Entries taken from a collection

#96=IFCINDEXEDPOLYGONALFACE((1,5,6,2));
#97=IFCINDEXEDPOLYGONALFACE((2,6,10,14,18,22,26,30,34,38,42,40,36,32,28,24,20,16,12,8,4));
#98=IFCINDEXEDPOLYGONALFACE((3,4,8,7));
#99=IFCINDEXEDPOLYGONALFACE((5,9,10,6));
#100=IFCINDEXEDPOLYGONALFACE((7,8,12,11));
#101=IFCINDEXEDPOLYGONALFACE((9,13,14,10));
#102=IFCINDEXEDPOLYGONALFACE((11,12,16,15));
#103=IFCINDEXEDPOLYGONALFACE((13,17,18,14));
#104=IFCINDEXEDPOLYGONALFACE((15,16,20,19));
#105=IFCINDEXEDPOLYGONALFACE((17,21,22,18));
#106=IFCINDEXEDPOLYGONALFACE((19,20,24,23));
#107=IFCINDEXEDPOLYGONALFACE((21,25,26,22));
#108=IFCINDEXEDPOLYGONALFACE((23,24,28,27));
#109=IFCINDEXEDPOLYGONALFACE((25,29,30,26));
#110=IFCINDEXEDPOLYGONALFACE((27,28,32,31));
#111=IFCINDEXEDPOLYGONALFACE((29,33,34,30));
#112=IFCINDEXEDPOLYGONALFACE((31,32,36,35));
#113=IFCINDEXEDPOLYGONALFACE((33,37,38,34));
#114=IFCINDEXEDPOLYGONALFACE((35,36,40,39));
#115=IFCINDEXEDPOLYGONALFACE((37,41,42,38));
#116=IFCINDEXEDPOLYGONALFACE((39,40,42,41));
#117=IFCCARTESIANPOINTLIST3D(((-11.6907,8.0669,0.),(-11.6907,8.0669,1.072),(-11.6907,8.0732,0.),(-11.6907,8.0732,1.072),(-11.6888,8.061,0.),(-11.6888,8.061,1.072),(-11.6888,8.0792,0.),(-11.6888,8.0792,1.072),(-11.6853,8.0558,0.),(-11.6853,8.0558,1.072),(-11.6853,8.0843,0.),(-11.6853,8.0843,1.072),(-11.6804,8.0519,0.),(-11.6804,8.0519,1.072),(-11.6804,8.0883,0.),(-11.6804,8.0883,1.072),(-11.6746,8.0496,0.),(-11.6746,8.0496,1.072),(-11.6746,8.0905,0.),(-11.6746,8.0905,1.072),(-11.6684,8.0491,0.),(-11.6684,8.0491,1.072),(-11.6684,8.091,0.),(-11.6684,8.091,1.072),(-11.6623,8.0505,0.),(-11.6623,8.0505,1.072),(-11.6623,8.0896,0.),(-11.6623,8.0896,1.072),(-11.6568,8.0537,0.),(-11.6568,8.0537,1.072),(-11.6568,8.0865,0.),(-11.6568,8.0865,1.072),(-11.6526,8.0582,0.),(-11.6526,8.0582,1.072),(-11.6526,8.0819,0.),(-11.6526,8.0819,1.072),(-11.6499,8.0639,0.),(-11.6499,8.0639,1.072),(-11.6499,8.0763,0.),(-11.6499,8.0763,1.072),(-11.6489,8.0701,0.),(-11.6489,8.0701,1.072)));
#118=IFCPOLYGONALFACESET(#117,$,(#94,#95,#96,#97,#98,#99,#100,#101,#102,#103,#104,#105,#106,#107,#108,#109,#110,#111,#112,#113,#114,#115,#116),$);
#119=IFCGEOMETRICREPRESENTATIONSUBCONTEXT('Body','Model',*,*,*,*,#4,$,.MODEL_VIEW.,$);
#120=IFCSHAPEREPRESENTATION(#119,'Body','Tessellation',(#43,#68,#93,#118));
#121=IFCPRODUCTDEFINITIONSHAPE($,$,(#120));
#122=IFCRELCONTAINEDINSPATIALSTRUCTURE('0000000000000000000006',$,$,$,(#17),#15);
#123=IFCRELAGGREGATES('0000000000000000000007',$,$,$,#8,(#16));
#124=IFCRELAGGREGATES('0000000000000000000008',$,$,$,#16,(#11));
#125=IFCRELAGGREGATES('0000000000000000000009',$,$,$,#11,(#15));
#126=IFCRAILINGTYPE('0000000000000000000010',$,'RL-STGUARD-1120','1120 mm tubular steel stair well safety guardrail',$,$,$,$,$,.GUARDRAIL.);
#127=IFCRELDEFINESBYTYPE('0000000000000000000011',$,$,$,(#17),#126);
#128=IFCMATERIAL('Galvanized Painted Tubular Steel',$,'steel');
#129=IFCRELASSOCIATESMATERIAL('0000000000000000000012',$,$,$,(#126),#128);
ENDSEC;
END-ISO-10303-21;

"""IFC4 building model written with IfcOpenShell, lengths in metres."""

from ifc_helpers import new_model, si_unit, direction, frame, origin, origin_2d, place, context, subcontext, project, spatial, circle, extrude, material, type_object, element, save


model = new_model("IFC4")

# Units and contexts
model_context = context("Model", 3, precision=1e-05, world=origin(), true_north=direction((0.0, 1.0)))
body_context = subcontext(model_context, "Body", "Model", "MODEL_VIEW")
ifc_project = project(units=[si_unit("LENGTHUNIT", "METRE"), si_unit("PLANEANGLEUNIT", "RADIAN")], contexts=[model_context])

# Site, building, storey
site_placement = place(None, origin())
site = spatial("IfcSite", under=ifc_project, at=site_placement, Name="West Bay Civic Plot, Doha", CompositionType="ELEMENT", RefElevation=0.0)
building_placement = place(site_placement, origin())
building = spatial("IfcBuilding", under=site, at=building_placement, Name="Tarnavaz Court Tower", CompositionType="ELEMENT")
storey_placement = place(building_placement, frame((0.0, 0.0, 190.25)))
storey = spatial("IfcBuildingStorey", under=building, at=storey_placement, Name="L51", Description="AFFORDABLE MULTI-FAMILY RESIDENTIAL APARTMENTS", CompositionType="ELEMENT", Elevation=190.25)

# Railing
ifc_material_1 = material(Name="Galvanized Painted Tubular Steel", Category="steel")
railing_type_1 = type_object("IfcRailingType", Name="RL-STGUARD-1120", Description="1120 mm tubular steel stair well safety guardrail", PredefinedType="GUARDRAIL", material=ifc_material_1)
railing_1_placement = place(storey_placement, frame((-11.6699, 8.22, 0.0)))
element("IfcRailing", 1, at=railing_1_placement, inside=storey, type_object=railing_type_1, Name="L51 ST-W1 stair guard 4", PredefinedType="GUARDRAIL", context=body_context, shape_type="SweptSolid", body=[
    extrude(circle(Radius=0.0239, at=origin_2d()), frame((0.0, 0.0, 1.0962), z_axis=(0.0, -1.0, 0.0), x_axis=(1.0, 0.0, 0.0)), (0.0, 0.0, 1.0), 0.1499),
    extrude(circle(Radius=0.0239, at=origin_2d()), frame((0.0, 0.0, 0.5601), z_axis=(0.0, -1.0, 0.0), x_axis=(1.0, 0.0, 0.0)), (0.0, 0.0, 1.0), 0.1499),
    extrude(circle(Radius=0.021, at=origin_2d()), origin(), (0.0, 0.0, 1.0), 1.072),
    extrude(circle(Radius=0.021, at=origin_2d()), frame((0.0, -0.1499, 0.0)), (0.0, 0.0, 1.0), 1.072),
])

==

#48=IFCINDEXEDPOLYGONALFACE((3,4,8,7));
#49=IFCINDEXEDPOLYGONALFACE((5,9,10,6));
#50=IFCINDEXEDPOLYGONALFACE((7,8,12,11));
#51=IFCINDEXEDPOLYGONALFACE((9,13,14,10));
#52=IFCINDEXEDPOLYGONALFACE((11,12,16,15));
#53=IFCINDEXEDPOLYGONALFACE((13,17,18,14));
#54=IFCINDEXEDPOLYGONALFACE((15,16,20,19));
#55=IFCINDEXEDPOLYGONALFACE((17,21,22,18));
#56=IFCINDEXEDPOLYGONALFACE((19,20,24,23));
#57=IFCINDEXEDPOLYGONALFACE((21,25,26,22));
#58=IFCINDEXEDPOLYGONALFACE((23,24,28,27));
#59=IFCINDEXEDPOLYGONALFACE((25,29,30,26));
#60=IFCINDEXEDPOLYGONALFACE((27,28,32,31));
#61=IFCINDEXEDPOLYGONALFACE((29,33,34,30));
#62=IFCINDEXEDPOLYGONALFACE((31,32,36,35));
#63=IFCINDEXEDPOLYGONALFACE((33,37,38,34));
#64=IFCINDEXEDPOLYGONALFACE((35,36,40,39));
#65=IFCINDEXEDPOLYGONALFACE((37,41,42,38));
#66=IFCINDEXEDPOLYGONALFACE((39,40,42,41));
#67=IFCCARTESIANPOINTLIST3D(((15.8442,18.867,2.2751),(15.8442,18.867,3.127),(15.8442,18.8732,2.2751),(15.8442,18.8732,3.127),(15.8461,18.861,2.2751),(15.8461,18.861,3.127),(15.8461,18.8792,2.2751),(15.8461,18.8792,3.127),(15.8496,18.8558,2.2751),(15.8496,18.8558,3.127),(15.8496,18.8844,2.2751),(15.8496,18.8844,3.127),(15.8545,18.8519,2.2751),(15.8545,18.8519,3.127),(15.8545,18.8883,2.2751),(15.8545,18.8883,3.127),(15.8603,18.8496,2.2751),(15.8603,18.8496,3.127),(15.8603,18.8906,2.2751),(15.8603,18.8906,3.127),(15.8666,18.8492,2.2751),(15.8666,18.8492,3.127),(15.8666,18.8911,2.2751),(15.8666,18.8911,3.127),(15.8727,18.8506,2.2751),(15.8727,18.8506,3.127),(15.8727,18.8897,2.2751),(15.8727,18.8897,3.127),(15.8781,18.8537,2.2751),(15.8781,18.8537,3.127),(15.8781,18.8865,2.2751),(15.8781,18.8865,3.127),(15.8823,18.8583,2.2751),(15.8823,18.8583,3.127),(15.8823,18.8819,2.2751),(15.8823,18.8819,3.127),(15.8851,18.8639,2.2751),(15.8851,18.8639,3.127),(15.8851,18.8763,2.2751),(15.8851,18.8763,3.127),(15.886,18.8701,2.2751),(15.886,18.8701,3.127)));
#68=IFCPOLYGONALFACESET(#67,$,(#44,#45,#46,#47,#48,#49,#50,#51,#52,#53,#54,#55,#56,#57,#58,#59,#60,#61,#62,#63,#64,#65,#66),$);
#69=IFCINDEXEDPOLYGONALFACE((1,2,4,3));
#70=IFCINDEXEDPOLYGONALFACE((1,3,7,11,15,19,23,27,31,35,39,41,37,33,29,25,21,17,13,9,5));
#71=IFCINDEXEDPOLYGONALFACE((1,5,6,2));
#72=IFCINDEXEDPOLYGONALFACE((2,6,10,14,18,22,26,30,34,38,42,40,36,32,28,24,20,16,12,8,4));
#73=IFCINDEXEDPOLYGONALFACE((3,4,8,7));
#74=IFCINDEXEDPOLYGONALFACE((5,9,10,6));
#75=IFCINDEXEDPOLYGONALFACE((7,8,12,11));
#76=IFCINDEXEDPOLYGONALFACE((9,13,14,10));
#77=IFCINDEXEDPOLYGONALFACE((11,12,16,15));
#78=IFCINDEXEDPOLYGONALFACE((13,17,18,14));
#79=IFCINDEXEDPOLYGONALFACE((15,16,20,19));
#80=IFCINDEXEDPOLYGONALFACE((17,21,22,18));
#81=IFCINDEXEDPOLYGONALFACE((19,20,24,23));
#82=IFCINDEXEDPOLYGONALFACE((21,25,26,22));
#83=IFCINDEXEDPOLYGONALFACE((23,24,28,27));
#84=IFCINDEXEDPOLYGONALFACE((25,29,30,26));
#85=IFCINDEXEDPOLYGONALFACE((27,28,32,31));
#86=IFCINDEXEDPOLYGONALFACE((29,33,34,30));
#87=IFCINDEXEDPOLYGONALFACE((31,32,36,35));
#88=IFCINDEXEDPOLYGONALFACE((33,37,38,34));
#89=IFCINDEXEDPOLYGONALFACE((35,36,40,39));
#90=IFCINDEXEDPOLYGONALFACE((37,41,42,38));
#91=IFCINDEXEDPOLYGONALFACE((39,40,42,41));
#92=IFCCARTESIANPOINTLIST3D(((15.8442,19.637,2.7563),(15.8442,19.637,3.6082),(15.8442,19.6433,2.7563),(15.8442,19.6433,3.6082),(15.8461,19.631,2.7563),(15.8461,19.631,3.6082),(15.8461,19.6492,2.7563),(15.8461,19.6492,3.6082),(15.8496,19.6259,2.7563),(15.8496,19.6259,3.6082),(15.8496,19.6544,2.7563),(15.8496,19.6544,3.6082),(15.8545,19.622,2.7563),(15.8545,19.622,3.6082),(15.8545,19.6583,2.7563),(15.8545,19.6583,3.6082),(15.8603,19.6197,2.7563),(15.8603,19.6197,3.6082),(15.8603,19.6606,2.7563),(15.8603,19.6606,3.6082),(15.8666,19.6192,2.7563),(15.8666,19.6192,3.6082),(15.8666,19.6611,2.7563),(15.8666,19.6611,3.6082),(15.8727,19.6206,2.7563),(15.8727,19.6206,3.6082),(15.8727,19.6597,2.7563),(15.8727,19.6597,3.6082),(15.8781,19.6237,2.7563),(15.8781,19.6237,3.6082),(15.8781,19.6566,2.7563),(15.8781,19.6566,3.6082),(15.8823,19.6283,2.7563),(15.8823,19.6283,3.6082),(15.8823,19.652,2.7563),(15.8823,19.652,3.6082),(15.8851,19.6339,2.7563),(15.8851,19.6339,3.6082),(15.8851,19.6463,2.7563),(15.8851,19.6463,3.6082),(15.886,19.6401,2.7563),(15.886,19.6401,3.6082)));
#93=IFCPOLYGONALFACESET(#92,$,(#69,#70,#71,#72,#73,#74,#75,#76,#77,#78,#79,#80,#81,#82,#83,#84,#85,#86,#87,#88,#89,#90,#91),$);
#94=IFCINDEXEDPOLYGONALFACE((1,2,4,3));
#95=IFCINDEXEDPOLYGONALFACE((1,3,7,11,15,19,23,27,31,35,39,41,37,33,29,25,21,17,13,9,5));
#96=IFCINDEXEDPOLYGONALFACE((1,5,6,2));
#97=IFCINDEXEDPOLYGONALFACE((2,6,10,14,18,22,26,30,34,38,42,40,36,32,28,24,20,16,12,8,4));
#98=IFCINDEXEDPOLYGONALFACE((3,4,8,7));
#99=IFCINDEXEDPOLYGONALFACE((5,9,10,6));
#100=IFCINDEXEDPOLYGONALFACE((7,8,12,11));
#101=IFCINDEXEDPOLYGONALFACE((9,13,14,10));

* * *

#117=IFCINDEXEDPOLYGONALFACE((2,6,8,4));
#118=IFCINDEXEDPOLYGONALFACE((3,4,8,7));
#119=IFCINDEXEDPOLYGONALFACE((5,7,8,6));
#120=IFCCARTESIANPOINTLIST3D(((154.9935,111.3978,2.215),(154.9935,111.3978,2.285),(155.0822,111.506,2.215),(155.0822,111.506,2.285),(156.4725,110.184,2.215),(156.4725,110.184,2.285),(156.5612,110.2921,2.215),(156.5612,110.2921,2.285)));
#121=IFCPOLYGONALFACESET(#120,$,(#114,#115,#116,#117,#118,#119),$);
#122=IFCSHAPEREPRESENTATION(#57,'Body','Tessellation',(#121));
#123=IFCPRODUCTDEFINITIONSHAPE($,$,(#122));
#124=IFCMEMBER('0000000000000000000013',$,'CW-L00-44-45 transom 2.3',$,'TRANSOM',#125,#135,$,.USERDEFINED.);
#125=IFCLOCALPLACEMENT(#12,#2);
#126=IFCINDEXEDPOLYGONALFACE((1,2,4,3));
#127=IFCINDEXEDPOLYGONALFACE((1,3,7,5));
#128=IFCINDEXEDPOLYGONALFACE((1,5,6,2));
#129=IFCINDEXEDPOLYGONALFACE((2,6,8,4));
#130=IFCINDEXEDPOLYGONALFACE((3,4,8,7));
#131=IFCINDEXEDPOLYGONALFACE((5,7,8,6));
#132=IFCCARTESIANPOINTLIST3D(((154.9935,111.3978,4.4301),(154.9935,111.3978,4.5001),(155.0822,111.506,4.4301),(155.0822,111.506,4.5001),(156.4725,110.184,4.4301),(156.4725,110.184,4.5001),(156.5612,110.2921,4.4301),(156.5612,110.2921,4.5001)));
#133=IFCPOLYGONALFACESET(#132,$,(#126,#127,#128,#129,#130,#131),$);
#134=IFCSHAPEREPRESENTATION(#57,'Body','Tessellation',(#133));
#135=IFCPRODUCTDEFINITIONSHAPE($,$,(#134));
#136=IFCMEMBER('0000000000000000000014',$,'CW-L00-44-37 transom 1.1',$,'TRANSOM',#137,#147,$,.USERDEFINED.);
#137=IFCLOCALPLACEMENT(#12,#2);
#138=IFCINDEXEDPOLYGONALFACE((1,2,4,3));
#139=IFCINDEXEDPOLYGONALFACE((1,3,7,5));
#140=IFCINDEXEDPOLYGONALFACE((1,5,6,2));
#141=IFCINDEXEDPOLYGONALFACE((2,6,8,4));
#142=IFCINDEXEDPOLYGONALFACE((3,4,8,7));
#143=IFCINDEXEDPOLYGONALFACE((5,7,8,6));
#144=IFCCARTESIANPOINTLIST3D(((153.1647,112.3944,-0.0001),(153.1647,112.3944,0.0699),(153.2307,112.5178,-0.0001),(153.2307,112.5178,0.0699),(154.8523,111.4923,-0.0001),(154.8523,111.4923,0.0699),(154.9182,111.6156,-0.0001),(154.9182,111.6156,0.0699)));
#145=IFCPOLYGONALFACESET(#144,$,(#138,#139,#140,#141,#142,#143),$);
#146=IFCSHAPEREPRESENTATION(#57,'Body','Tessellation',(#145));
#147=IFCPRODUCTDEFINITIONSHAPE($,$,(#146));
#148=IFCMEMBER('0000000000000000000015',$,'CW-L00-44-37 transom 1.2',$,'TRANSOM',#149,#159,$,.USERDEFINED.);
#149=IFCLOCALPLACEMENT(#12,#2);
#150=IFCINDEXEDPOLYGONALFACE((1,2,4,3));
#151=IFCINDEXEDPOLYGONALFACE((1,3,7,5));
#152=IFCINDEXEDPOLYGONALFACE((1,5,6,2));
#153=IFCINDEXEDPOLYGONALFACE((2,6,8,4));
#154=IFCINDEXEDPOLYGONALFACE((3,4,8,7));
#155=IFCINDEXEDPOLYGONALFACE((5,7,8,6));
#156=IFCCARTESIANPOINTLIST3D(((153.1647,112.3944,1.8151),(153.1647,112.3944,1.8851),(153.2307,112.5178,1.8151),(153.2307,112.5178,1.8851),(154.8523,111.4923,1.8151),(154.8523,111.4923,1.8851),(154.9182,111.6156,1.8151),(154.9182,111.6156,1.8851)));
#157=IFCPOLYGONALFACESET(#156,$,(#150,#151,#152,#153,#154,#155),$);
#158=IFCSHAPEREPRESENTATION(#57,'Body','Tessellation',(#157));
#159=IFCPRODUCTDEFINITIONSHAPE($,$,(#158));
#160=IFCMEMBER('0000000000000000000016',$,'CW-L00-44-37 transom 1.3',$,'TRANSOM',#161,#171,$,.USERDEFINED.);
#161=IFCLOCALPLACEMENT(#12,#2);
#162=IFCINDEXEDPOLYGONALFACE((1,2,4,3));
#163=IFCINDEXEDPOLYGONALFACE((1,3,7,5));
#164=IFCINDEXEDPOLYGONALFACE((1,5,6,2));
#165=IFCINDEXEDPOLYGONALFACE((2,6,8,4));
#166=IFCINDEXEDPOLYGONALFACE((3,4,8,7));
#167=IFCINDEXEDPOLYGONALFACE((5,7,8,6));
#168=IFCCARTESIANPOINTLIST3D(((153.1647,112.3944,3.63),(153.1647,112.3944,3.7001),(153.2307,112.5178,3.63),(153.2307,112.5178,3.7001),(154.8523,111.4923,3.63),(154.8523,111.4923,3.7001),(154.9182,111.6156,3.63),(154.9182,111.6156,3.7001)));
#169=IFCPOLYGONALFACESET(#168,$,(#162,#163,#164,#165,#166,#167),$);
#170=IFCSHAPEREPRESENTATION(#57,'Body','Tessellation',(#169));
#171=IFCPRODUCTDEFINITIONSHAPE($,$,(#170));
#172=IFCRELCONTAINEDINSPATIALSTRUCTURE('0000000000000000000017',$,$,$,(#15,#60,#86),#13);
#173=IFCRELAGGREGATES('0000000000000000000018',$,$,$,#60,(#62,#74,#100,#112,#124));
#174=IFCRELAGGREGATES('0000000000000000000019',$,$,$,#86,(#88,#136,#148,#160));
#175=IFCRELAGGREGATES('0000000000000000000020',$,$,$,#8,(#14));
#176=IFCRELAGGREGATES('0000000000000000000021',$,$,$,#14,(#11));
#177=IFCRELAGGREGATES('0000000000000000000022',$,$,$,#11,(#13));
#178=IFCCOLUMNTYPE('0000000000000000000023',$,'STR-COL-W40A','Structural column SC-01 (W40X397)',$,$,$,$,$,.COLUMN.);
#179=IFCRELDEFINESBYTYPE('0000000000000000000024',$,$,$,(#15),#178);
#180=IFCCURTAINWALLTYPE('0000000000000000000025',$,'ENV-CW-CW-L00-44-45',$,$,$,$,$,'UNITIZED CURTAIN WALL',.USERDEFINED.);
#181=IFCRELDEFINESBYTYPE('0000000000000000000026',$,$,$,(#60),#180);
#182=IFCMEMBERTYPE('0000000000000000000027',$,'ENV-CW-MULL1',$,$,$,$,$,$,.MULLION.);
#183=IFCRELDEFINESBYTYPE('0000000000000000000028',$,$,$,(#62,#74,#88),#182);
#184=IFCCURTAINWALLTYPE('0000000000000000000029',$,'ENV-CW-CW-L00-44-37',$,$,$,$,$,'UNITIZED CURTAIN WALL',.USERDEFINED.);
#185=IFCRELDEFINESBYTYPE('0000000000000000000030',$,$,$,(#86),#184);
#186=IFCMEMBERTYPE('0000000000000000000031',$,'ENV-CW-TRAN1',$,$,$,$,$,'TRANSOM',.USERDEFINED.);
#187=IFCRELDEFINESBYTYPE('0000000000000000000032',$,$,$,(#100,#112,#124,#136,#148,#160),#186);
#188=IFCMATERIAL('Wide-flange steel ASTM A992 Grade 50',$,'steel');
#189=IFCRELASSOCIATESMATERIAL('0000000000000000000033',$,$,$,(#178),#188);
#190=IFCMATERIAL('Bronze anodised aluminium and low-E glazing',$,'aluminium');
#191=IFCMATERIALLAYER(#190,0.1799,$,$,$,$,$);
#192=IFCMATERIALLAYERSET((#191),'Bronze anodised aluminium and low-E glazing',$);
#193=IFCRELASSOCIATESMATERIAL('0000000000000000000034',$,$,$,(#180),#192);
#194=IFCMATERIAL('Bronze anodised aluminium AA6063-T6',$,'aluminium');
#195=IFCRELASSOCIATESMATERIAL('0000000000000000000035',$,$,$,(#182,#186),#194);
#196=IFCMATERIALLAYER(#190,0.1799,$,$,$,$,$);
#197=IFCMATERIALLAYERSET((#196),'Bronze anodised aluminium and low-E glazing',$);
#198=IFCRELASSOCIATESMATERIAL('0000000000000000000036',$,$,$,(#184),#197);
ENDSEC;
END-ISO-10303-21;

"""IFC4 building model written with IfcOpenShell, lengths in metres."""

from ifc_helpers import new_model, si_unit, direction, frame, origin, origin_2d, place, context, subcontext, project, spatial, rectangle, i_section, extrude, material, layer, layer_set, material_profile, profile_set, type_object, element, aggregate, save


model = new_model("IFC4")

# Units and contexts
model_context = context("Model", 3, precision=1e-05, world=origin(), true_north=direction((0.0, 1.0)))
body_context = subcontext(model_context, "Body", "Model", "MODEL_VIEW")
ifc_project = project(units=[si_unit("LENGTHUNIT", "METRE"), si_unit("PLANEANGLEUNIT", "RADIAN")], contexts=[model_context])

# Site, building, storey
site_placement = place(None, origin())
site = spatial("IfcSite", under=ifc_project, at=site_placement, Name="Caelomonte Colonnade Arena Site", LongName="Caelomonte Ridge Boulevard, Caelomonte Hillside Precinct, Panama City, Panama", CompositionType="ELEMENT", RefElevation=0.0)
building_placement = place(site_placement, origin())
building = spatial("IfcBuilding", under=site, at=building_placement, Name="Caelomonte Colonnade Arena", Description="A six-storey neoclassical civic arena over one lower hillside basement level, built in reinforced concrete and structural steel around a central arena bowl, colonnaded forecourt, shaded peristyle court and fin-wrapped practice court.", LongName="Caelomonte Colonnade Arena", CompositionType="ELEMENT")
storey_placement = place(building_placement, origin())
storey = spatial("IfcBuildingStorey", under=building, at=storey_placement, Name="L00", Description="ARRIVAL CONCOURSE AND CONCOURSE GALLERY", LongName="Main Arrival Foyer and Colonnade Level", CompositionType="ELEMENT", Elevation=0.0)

Task requirements:
In the data above, find the line with "#143=IFCINDEXEDPOLYGONALFACE((5,7,8,6));" and the line with "#146=IFCSHAPEREPRESENTATION(#57,'Body','Tessellation',(#145));". Retype both, plus every line between them, exactly.

Solution:
#143=IFCINDEXEDPOLYGONALFACE((5,7,8,6));
#144=IFCCARTESIANPOINTLIST3D(((153.1647,112.3944,-0.0001),(153.1647,112.3944,0.0699),(153.2307,112.5178,-0.0001),(153.2307,112.5178,0.0699),(154.8523,111.4923,-0.0001),(154.8523,111.4923,0.0699),(154.9182,111.6156,-0.0001),(154.9182,111.6156,0.0699)));
#145=IFCPOLYGONALFACESET(#144,$,(#138,#139,#140,#141,#142,#143),$);
#146=IFCSHAPEREPRESENTATION(#57,'Body','Tessellation',(#145));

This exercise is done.